BEGIN DATASET EXCERPTS

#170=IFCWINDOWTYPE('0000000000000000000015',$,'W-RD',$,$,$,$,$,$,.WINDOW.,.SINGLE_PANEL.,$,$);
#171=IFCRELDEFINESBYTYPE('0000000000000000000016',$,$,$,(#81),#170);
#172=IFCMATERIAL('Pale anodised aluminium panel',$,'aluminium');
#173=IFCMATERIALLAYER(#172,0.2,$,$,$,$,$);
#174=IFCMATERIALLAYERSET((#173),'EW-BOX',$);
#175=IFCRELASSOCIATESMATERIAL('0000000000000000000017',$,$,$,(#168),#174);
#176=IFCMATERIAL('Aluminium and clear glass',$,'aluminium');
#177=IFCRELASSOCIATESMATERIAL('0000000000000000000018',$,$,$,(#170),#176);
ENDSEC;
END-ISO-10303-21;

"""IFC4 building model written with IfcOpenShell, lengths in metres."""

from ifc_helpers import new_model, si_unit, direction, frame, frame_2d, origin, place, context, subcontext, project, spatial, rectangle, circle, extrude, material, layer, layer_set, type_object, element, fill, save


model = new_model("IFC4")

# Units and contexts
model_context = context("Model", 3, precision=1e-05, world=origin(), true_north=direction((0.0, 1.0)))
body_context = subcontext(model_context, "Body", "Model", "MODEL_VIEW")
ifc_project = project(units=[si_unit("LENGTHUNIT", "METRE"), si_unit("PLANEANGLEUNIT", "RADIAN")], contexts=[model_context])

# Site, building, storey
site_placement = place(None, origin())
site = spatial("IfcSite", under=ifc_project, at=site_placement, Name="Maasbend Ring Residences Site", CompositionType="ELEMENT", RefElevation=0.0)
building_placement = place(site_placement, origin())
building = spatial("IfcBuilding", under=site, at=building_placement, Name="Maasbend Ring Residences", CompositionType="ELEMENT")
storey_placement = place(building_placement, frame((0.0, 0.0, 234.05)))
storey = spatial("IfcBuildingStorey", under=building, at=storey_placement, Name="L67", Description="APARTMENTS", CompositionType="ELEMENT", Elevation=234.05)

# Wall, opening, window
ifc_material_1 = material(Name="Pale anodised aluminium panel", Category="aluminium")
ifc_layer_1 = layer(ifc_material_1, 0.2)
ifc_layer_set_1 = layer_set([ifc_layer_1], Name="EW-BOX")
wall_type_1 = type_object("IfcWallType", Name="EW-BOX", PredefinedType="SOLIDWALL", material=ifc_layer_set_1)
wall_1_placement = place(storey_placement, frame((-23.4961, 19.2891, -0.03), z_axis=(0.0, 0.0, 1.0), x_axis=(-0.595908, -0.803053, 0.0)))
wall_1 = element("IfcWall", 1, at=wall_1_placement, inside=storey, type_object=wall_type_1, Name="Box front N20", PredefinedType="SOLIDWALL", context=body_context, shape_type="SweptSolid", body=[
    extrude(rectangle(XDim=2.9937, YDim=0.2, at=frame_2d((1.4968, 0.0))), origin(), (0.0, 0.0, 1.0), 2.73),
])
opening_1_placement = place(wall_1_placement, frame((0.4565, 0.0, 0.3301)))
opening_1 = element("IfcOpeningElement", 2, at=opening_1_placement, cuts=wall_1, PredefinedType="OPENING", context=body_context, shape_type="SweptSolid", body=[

END DATASET EXCERPTS
BEGIN DATASET EXCERPTS

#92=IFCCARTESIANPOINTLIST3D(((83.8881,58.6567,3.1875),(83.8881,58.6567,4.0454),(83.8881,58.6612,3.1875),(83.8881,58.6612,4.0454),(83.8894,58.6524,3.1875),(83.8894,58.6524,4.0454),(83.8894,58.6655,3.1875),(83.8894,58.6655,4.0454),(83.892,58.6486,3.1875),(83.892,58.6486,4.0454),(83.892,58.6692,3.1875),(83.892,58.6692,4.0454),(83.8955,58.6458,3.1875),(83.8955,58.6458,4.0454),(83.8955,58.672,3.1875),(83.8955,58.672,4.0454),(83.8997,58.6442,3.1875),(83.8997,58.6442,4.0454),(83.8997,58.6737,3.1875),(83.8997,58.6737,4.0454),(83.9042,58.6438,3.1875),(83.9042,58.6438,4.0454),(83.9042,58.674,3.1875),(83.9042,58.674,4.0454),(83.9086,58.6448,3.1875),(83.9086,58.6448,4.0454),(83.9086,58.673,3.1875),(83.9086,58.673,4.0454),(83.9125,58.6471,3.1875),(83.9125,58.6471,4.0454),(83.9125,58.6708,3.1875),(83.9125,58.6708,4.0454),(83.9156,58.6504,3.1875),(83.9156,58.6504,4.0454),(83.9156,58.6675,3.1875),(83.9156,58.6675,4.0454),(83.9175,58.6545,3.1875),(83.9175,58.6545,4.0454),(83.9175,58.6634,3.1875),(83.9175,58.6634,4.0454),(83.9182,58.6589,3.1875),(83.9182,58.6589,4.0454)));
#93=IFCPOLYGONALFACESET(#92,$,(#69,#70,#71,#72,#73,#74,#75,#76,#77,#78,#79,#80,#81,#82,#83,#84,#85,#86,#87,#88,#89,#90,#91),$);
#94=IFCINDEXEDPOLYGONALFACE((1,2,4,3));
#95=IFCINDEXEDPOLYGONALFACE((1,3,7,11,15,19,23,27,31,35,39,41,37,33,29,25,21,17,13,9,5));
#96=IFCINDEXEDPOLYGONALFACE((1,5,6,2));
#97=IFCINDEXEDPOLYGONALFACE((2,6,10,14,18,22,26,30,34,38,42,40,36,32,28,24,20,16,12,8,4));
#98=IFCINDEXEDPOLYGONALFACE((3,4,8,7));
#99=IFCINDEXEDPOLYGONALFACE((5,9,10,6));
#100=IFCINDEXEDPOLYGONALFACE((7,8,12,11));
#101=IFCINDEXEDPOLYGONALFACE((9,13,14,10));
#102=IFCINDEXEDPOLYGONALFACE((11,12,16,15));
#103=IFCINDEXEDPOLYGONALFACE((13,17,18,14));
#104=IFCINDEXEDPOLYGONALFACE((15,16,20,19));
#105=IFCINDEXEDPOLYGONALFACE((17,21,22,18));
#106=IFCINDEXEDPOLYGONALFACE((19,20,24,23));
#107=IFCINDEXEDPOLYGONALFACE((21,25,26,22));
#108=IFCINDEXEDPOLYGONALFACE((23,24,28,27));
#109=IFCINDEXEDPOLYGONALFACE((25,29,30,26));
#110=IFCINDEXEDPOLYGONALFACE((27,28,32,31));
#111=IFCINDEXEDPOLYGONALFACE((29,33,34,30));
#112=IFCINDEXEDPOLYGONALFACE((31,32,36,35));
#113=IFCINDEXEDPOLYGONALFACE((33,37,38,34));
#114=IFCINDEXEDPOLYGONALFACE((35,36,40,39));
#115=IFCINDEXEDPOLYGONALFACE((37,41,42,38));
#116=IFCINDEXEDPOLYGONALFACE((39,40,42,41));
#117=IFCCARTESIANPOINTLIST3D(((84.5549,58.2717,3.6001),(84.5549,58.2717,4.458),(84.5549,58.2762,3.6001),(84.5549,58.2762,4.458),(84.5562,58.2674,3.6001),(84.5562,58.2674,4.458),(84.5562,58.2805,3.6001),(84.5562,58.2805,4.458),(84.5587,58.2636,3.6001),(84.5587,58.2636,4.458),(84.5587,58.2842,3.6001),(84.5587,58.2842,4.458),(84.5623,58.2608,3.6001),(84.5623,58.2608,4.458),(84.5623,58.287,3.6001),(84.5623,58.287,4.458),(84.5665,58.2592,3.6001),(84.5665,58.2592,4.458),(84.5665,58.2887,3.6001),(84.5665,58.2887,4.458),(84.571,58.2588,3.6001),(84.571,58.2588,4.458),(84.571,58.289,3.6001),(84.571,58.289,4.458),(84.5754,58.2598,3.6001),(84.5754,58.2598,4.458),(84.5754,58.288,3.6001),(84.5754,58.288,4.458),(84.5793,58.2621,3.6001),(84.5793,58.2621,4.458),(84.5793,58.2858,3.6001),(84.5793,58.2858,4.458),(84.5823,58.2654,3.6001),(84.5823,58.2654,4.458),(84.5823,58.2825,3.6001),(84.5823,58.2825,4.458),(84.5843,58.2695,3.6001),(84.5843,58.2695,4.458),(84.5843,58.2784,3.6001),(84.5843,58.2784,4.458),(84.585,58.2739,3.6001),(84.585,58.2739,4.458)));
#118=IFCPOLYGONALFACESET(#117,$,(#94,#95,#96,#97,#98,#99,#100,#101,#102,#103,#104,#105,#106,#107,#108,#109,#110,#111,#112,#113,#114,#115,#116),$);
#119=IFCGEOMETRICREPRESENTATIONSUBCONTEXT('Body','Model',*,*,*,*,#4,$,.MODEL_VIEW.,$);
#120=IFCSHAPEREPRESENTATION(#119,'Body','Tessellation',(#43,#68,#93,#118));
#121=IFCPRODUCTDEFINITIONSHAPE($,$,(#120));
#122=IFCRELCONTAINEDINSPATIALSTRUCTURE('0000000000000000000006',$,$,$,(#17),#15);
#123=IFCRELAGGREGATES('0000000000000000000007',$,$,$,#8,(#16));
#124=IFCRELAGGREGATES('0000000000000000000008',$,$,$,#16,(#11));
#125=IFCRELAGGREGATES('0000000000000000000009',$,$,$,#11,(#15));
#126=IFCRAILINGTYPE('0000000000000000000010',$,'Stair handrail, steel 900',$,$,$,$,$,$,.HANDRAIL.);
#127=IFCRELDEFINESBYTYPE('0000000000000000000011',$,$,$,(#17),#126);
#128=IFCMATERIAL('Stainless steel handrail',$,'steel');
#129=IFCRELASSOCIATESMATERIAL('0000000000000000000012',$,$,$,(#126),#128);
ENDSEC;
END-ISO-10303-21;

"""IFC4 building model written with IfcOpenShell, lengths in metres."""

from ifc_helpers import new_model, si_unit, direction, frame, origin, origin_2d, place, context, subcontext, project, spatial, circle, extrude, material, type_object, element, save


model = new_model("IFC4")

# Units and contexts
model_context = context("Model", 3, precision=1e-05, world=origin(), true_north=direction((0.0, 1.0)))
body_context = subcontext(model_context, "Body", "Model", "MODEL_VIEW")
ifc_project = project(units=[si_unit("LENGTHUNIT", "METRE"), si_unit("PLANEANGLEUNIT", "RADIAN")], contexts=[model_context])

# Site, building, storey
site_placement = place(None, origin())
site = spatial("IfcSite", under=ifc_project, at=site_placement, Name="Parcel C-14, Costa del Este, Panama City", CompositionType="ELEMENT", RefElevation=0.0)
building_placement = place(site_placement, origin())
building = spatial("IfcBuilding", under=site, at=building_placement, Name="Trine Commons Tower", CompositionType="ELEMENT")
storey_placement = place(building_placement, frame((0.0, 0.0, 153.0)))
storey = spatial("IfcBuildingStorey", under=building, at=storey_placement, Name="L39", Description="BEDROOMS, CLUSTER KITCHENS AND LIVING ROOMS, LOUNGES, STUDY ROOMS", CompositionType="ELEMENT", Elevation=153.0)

END DATASET EXCERPTS
BEGIN DATASET EXCERPTS

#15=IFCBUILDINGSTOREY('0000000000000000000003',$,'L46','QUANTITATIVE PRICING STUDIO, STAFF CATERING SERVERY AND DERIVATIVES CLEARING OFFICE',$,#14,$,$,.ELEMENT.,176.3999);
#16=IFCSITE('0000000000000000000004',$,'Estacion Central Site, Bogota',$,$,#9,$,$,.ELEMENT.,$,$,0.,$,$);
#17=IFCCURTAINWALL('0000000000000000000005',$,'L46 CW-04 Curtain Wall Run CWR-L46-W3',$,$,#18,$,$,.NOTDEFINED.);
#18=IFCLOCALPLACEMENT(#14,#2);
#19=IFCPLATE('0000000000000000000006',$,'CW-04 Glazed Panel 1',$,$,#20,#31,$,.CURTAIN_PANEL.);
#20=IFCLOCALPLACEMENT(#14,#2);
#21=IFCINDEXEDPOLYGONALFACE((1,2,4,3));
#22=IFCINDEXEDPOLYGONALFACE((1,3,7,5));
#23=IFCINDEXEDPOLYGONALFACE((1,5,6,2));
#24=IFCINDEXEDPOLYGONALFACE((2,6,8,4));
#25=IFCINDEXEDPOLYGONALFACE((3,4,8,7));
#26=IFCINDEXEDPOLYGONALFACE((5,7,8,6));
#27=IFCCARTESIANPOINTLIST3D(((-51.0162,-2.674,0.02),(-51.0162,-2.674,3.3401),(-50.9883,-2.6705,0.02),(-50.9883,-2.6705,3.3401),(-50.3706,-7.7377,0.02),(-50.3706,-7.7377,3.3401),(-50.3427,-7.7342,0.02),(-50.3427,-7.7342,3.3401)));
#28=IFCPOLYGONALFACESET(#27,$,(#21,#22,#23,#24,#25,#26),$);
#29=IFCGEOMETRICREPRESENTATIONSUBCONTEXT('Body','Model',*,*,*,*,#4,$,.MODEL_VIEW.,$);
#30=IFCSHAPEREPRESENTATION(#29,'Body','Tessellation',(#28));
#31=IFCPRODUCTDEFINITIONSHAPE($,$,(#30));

END DATASET EXCERPTS

TASK ITEM:
Look through the data above. Find each line with the string "Residences" and copy it.

RESPONSE TO THE TASK:
site = spatial("IfcSite", under=ifc_project, at=site_placement, Name="Maasbend Ring Residences Site", CompositionType="ELEMENT", RefElevation=0.0)
building = spatial("IfcBuilding", under=site, at=building_placement, Name="Maasbend Ring Residences", CompositionType="ELEMENT")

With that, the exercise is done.